# Data provided
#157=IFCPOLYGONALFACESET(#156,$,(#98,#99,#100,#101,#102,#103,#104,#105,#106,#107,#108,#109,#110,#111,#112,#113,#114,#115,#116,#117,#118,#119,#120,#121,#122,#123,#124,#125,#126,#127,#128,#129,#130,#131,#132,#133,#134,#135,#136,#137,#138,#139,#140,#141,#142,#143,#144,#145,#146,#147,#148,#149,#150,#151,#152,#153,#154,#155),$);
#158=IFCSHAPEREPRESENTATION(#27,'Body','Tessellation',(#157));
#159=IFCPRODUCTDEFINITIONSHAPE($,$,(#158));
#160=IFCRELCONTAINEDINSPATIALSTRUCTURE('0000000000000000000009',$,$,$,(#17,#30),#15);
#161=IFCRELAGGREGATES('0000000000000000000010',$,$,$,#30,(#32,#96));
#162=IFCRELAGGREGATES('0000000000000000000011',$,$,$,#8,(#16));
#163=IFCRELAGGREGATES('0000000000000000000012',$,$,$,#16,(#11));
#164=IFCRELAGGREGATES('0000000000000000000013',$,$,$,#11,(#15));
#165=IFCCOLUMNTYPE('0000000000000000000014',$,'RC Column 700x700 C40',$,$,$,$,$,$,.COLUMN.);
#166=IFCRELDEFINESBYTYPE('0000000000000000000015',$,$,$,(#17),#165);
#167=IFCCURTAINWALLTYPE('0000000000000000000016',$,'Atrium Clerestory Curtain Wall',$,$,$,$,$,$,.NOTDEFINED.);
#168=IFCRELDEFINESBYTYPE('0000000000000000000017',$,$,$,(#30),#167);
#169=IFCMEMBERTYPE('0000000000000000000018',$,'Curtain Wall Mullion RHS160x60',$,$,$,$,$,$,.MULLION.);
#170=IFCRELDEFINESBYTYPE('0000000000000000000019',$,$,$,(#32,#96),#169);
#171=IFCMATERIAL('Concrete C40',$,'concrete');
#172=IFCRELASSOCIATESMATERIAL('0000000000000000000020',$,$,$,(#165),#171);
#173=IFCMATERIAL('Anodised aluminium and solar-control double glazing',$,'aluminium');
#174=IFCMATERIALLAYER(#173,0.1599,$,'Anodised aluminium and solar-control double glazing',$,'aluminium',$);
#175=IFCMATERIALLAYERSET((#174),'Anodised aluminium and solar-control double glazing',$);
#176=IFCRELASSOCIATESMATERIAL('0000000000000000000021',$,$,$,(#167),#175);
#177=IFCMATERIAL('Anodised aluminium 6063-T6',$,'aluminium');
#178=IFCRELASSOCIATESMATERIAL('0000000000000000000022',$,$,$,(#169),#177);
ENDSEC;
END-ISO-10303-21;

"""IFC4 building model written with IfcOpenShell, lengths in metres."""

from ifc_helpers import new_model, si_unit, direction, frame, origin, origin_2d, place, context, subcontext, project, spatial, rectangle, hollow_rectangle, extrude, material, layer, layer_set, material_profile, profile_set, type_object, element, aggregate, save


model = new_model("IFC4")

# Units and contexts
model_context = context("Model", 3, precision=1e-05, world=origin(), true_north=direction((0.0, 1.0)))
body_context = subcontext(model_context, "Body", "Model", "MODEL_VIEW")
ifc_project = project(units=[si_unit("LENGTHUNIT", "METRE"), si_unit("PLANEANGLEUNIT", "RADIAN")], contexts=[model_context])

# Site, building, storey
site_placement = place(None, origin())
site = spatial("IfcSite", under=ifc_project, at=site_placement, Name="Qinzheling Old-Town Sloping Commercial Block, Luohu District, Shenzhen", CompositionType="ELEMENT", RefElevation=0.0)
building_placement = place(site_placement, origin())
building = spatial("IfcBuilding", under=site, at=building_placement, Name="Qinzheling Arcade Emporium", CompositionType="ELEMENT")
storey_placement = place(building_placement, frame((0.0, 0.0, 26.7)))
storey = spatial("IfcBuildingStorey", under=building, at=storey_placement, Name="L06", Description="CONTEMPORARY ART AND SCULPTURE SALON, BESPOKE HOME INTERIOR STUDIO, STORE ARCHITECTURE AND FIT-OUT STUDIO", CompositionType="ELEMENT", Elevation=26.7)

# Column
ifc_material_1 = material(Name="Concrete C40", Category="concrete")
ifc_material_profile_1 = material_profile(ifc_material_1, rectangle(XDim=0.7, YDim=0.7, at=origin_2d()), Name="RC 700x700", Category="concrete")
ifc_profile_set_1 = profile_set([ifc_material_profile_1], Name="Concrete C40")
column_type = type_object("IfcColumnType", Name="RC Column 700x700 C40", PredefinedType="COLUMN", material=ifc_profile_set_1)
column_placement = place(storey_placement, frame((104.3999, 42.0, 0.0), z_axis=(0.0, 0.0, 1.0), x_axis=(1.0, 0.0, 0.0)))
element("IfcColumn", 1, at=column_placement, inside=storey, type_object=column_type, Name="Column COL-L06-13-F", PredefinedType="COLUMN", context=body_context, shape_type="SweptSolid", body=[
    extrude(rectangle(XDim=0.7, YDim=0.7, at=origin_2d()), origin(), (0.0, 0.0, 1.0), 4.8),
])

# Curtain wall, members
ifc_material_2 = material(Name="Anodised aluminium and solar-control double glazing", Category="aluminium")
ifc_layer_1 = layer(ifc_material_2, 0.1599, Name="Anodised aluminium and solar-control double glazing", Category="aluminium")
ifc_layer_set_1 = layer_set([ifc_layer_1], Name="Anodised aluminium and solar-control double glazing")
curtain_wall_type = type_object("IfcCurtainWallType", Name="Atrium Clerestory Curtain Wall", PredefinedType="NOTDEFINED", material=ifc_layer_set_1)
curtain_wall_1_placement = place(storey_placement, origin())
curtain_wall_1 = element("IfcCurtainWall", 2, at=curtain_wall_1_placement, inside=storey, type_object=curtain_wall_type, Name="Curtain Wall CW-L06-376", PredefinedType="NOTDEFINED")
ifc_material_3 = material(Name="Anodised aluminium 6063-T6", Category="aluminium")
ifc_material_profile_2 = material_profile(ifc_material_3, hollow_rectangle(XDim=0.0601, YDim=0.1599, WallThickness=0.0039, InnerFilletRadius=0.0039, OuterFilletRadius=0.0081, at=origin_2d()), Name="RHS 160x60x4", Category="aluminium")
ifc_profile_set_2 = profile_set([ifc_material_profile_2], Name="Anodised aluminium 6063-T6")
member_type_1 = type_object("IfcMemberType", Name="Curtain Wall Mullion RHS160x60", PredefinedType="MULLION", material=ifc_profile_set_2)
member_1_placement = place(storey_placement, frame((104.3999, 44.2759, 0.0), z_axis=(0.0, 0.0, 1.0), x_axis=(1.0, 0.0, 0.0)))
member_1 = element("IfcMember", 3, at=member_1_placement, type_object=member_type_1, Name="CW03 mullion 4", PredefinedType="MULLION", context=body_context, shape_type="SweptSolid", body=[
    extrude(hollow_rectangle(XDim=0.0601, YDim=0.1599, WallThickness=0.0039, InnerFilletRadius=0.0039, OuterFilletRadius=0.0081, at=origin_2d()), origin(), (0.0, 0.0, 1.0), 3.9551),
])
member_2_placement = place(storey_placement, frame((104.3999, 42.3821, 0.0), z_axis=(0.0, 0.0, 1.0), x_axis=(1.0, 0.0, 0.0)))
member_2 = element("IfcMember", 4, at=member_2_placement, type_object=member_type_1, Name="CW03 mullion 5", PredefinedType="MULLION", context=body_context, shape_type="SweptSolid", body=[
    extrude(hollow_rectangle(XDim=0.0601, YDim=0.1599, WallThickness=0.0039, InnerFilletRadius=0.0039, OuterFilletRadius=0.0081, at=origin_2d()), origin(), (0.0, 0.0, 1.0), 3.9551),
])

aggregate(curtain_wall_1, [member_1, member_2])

# To do
Extract the first line above and each line after it up to and including the one with "#159=IFCPRODUCTDEFINITIONSHAPE($,$,(#158));", please, exactly and with nothing else.

# Solution to this exercise
#157=IFCPOLYGONALFACESET(#156,$,(#98,#99,#100,#101,#102,#103,#104,#105,#106,#107,#108,#109,#110,#111,#112,#113,#114,#115,#116,#117,#118,#119,#120,#121,#122,#123,#124,#125,#126,#127,#128,#129,#130,#131,#132,#133,#134,#135,#136,#137,#138,#139,#140,#141,#142,#143,#144,#145,#146,#147,#148,#149,#150,#151,#152,#153,#154,#155),$);
#158=IFCSHAPEREPRESENTATION(#27,'Body','Tessellation',(#157));
#159=IFCPRODUCTDEFINITIONSHAPE($,$,(#158));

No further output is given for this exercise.